Stored data entries:
»»

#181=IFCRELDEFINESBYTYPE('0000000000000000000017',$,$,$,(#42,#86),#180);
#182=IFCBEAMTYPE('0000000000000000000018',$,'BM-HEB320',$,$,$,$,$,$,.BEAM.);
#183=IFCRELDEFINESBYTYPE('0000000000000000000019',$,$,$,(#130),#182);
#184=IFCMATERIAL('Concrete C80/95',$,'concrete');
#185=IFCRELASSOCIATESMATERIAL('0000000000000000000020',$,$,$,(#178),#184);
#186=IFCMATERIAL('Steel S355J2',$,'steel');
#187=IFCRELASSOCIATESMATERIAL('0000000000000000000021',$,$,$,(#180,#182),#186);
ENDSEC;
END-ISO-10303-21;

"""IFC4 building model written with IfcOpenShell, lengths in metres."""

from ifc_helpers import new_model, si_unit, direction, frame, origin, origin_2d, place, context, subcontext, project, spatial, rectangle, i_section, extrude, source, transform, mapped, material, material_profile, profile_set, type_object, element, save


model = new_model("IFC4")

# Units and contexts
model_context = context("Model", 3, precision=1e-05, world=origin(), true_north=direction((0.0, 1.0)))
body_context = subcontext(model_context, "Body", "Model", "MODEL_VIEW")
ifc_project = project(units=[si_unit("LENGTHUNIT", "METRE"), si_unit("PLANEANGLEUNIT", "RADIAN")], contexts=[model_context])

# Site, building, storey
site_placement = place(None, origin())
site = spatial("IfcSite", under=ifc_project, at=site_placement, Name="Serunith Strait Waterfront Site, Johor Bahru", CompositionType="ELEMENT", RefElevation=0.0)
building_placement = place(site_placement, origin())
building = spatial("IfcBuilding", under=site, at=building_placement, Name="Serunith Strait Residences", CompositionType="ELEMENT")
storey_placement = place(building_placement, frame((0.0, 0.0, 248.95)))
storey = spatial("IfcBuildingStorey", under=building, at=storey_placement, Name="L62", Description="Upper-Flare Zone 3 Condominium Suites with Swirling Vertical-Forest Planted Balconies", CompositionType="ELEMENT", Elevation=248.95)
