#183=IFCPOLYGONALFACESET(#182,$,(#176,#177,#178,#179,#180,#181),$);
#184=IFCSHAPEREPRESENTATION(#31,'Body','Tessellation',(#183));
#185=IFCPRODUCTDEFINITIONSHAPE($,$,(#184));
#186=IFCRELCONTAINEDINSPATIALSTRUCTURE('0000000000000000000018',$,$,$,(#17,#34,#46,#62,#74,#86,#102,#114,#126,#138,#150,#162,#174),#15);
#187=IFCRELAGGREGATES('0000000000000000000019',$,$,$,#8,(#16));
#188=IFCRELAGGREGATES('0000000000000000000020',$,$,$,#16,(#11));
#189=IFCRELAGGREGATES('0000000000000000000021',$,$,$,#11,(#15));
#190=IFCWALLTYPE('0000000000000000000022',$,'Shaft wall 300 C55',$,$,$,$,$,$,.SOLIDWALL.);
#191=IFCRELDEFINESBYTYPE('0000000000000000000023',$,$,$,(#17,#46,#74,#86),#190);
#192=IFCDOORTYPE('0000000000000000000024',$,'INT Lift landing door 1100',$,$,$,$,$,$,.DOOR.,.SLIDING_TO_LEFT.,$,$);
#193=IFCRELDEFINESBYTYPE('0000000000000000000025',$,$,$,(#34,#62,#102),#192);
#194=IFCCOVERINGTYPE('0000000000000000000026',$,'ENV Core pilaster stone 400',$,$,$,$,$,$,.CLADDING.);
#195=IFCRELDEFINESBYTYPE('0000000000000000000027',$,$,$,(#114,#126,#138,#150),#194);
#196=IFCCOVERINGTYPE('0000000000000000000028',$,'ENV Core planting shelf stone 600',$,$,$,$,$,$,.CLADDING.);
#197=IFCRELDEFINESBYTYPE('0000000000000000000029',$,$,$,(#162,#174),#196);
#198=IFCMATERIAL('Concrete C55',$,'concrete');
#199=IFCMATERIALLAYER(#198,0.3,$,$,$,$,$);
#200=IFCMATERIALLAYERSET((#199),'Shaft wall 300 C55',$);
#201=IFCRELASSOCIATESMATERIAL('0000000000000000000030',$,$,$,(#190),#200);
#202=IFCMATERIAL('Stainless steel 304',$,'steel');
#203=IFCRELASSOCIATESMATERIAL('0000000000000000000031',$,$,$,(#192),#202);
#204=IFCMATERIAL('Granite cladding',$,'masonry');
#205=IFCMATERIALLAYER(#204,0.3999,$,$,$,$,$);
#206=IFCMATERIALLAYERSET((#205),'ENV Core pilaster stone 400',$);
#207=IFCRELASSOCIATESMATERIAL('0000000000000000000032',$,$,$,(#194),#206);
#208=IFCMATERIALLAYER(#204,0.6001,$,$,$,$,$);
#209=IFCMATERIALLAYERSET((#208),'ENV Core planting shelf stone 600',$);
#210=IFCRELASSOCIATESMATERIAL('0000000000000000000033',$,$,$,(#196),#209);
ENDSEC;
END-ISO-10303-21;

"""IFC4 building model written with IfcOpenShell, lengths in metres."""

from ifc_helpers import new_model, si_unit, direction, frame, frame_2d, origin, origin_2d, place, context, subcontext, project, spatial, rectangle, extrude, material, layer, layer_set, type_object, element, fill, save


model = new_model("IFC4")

««

What this task involves: Transcribe exactly, and only, the lines that extend from the one containing "#202=IFCMATERIAL('Stainless steel 304',$,'steel');" to the end of the records above, inclusive of both.

Exercise response:
#202=IFCMATERIAL('Stainless steel 304',$,'steel');
#203=IFCRELASSOCIATESMATERIAL('0000000000000000000031',$,$,$,(#192),#202);
#204=IFCMATERIAL('Granite cladding',$,'masonry');
#205=IFCMATERIALLAYER(#204,0.3999,$,$,$,$,$);
#206=IFCMATERIALLAYERSET((#205),'ENV Core pilaster stone 400',$);
#207=IFCRELASSOCIATESMATERIAL('0000000000000000000032',$,$,$,(#194),#206);
#208=IFCMATERIALLAYER(#204,0.6001,$,$,$,$,$);
#209=IFCMATERIALLAYERSET((#208),'ENV Core planting shelf stone 600',$);
#210=IFCRELASSOCIATESMATERIAL('0000000000000000000033',$,$,$,(#196),#209);
ENDSEC;
END-ISO-10303-21;

"""IFC4 building model written with IfcOpenShell, lengths in metres."""

from ifc_helpers import new_model, si_unit, direction, frame, frame_2d, origin, origin_2d, place, context, subcontext, project, spatial, rectangle, extrude, material, layer, layer_set, type_object, element, fill, save


model = new_model("IFC4")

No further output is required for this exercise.